**PROBLEM TO WORK ON**. Please quote exactly the lines below from the line containing "#122=IFCINDEXEDPOLYGONALFACE((1,5,6,2));" to the line containing "#128=IFCSHAPEREPRESENTATION(#27,'Body','Tessellation',(#127));", both lines included, and nothing else.
--- DATA EXTRACT ---
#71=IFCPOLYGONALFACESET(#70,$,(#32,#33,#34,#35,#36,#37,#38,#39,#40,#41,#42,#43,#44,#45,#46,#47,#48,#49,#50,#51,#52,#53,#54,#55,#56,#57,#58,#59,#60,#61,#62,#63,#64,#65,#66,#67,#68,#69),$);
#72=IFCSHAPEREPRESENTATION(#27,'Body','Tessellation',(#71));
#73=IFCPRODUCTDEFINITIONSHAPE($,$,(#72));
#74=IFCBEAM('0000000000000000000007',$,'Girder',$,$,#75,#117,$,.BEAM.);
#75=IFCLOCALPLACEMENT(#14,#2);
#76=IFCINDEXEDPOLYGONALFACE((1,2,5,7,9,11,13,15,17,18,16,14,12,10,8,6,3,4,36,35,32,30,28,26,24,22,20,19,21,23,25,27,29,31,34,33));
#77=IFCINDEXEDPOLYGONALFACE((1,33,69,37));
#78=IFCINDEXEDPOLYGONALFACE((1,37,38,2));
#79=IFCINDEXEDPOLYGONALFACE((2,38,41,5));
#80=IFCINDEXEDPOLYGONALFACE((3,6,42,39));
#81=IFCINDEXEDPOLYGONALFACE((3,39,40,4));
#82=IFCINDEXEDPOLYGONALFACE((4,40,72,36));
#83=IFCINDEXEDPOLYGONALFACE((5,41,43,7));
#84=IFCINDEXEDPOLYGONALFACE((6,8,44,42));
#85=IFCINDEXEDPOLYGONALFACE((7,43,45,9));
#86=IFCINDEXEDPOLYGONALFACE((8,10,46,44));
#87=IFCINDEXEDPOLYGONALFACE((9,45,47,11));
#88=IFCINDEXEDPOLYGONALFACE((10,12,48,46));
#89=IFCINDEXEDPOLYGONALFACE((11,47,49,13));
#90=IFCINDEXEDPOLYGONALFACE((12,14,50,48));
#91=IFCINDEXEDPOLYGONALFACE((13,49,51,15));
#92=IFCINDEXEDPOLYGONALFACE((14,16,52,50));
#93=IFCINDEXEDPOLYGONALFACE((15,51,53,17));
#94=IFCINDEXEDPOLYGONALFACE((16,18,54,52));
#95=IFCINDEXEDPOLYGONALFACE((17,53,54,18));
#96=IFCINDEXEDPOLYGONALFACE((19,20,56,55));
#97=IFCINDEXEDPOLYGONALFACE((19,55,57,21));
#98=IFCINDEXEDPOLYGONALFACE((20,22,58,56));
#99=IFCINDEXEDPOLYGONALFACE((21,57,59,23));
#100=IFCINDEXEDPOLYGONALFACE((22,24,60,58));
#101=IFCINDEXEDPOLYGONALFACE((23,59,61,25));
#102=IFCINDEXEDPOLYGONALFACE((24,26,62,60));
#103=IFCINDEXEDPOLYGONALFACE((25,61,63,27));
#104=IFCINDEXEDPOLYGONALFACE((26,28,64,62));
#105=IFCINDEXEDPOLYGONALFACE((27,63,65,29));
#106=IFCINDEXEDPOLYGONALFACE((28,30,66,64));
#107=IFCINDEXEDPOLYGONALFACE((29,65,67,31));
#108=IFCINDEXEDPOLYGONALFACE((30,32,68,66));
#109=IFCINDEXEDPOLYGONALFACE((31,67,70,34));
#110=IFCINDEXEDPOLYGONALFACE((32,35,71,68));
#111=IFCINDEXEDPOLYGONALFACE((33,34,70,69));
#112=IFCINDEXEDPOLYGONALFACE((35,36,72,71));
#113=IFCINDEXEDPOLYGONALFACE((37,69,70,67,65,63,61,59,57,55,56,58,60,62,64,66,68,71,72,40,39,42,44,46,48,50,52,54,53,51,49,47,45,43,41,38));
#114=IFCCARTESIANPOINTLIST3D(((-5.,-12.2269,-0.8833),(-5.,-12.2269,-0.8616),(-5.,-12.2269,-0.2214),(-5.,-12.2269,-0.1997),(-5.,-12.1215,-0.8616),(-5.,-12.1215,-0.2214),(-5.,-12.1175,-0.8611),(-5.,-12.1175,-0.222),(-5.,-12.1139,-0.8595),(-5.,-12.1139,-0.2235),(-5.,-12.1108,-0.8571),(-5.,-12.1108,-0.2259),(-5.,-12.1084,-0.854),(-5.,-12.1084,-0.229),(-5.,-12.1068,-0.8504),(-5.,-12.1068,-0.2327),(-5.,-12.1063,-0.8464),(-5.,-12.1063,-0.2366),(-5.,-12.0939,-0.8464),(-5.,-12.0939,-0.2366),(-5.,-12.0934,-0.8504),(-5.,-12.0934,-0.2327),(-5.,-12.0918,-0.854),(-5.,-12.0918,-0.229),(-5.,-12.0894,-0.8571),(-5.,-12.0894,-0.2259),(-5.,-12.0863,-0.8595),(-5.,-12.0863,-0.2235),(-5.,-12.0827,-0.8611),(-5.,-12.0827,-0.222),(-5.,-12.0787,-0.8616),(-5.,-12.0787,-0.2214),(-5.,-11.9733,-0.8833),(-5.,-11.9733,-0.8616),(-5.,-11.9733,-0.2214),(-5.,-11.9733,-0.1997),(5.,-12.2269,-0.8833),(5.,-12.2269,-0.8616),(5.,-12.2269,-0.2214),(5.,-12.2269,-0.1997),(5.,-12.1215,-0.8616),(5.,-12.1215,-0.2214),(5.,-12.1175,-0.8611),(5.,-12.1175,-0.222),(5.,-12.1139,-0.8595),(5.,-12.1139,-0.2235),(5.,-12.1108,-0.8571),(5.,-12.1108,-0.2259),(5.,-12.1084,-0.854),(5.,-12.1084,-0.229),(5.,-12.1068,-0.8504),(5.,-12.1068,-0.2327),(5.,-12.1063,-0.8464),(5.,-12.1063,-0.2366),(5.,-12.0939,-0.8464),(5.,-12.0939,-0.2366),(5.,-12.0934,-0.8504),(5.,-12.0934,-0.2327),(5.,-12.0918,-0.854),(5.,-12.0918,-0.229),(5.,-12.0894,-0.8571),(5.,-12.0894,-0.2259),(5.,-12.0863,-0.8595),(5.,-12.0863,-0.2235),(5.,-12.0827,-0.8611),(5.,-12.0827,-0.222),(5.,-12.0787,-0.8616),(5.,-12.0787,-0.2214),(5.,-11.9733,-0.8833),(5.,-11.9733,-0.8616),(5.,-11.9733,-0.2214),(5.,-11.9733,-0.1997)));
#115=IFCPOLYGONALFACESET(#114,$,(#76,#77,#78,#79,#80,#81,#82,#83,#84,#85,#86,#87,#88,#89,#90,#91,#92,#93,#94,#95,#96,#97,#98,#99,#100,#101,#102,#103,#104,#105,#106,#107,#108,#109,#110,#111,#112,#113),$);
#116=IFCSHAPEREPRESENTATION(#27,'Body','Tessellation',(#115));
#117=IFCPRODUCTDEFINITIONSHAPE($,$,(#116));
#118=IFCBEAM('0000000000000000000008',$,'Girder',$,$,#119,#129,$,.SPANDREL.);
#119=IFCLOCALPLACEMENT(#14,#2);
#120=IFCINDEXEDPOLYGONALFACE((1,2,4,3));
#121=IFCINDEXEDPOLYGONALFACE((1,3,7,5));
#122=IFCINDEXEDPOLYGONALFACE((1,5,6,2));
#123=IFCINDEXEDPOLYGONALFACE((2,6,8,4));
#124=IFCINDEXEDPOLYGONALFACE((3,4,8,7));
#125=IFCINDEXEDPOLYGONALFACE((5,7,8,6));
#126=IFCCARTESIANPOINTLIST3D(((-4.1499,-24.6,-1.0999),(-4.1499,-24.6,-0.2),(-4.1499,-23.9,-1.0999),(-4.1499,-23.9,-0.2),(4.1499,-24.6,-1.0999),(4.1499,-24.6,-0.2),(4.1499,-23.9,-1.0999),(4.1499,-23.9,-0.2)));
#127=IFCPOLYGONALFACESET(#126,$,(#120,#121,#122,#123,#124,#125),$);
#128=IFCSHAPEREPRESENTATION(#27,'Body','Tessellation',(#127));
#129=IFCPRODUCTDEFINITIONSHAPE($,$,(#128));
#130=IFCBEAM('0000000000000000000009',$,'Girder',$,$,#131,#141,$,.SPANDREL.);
---
**WORKED SOLUTION**.
#122=IFCINDEXEDPOLYGONALFACE((1,5,6,2));
#123=IFCINDEXEDPOLYGONALFACE((2,6,8,4));
#124=IFCINDEXEDPOLYGONALFACE((3,4,8,7));
#125=IFCINDEXEDPOLYGONALFACE((5,7,8,6));
#126=IFCCARTESIANPOINTLIST3D(((-4.1499,-24.6,-1.0999),(-4.1499,-24.6,-0.2),(-4.1499,-23.9,-1.0999),(-4.1499,-23.9,-0.2),(4.1499,-24.6,-1.0999),(4.1499,-24.6,-0.2),(4.1499,-23.9,-1.0999),(4.1499,-23.9,-0.2)));
#127=IFCPOLYGONALFACESET(#126,$,(#120,#121,#122,#123,#124,#125),$);
#128=IFCSHAPEREPRESENTATION(#27,'Body','Tessellation',(#127));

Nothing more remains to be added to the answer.